**What the exercise asks:** Set down all of the entries precisely as they were written.
Segment Start: Dataset extract
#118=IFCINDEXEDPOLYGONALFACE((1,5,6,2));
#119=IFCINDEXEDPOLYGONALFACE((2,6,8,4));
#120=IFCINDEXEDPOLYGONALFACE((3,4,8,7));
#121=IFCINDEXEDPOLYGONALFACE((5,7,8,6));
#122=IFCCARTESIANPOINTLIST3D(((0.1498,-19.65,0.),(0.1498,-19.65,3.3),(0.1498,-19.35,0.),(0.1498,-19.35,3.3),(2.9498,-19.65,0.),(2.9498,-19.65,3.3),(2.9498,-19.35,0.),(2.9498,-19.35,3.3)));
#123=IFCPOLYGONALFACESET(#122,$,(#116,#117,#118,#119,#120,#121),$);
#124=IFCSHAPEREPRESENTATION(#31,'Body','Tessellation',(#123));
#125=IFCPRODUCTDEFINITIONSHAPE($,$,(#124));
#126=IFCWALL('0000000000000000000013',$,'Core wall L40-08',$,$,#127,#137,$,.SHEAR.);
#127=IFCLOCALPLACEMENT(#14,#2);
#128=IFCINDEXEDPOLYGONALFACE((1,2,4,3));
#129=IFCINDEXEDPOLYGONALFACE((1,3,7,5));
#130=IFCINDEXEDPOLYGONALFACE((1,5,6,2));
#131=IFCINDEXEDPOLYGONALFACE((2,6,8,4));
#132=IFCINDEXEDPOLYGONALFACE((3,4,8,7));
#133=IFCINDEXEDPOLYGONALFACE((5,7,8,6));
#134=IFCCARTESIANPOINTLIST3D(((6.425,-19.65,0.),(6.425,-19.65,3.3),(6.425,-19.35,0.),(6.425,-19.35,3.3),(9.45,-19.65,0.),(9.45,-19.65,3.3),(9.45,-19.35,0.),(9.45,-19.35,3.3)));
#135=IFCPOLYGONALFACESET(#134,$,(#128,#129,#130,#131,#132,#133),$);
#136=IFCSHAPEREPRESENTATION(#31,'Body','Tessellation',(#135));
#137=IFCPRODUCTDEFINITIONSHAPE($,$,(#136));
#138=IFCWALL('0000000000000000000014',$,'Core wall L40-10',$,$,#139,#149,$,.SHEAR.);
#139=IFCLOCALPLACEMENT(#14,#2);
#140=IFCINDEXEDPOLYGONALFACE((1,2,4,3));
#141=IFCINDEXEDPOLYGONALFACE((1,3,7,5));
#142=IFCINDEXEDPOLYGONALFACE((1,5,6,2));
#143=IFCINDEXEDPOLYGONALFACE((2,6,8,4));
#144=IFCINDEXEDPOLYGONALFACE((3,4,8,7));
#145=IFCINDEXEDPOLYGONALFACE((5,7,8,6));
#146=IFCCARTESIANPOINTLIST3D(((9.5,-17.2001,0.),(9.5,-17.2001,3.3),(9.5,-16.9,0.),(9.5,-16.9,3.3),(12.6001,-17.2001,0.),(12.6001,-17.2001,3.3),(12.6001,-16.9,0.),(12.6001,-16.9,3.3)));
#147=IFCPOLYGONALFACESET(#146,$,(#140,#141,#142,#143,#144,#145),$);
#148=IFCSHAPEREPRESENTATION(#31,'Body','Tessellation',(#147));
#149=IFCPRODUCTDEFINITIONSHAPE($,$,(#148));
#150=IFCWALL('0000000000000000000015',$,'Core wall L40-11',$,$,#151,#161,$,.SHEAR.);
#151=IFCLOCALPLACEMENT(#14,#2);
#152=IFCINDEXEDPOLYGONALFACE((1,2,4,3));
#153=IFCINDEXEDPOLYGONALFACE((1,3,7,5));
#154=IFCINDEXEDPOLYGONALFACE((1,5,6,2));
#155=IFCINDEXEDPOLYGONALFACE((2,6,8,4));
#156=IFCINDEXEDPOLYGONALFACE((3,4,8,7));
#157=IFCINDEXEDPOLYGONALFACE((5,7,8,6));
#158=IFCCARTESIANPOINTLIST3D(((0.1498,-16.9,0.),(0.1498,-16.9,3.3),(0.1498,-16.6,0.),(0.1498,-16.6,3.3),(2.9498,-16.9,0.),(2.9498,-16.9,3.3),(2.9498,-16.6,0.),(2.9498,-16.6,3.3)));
Segment End: Dataset extract
**Output of the exercise:**
#118=IFCINDEXEDPOLYGONALFACE((1,5,6,2));
#119=IFCINDEXEDPOLYGONALFACE((2,6,8,4));
#120=IFCINDEXEDPOLYGONALFACE((3,4,8,7));
#121=IFCINDEXEDPOLYGONALFACE((5,7,8,6));
#122=IFCCARTESIANPOINTLIST3D(((0.1498,-19.65,0.),(0.1498,-19.65,3.3),(0.1498,-19.35,0.),(0.1498,-19.35,3.3),(2.9498,-19.65,0.),(2.9498,-19.65,3.3),(2.9498,-19.35,0.),(2.9498,-19.35,3.3)));
#123=IFCPOLYGONALFACESET(#122,$,(#116,#117,#118,#119,#120,#121),$);
#124=IFCSHAPEREPRESENTATION(#31,'Body','Tessellation',(#123));
#125=IFCPRODUCTDEFINITIONSHAPE($,$,(#124));
#126=IFCWALL('0000000000000000000013',$,'Core wall L40-08',$,$,#127,#137,$,.SHEAR.);
#127=IFCLOCALPLACEMENT(#14,#2);
#128=IFCINDEXEDPOLYGONALFACE((1,2,4,3));
#129=IFCINDEXEDPOLYGONALFACE((1,3,7,5));
#130=IFCINDEXEDPOLYGONALFACE((1,5,6,2));
#131=IFCINDEXEDPOLYGONALFACE((2,6,8,4));
#132=IFCINDEXEDPOLYGONALFACE((3,4,8,7));
#133=IFCINDEXEDPOLYGONALFACE((5,7,8,6));
#134=IFCCARTESIANPOINTLIST3D(((6.425,-19.65,0.),(6.425,-19.65,3.3),(6.425,-19.35,0.),(6.425,-19.35,3.3),(9.45,-19.65,0.),(9.45,-19.65,3.3),(9.45,-19.35,0.),(9.45,-19.35,3.3)));
#135=IFCPOLYGONALFACESET(#134,$,(#128,#129,#130,#131,#132,#133),$);
#136=IFCSHAPEREPRESENTATION(#31,'Body','Tessellation',(#135));
#137=IFCPRODUCTDEFINITIONSHAPE($,$,(#136));
#138=IFCWALL('0000000000000000000014',$,'Core wall L40-10',$,$,#139,#149,$,.SHEAR.);
#139=IFCLOCALPLACEMENT(#14,#2);
#140=IFCINDEXEDPOLYGONALFACE((1,2,4,3));
#141=IFCINDEXEDPOLYGONALFACE((1,3,7,5));
#142=IFCINDEXEDPOLYGONALFACE((1,5,6,2));
#143=IFCINDEXEDPOLYGONALFACE((2,6,8,4));
#144=IFCINDEXEDPOLYGONALFACE((3,4,8,7));
#145=IFCINDEXEDPOLYGONALFACE((5,7,8,6));
#146=IFCCARTESIANPOINTLIST3D(((9.5,-17.2001,0.),(9.5,-17.2001,3.3),(9.5,-16.9,0.),(9.5,-16.9,3.3),(12.6001,-17.2001,0.),(12.6001,-17.2001,3.3),(12.6001,-16.9,0.),(12.6001,-16.9,3.3)));
#147=IFCPOLYGONALFACESET(#146,$,(#140,#141,#142,#143,#144,#145),$);
#148=IFCSHAPEREPRESENTATION(#31,'Body','Tessellation',(#147));
#149=IFCPRODUCTDEFINITIONSHAPE($,$,(#148));
#150=IFCWALL('0000000000000000000015',$,'Core wall L40-11',$,$,#151,#161,$,.SHEAR.);
#151=IFCLOCALPLACEMENT(#14,#2);
#152=IFCINDEXEDPOLYGONALFACE((1,2,4,3));
#153=IFCINDEXEDPOLYGONALFACE((1,3,7,5));
#154=IFCINDEXEDPOLYGONALFACE((1,5,6,2));
#155=IFCINDEXEDPOLYGONALFACE((2,6,8,4));
#156=IFCINDEXEDPOLYGONALFACE((3,4,8,7));
#157=IFCINDEXEDPOLYGONALFACE((5,7,8,6));
#158=IFCCARTESIANPOINTLIST3D(((0.1498,-16.9,0.),(0.1498,-16.9,3.3),(0.1498,-16.6,0.),(0.1498,-16.6,3.3),(2.9498,-16.9,0.),(2.9498,-16.9,3.3),(2.9498,-16.6,0.),(2.9498,-16.6,3.3)));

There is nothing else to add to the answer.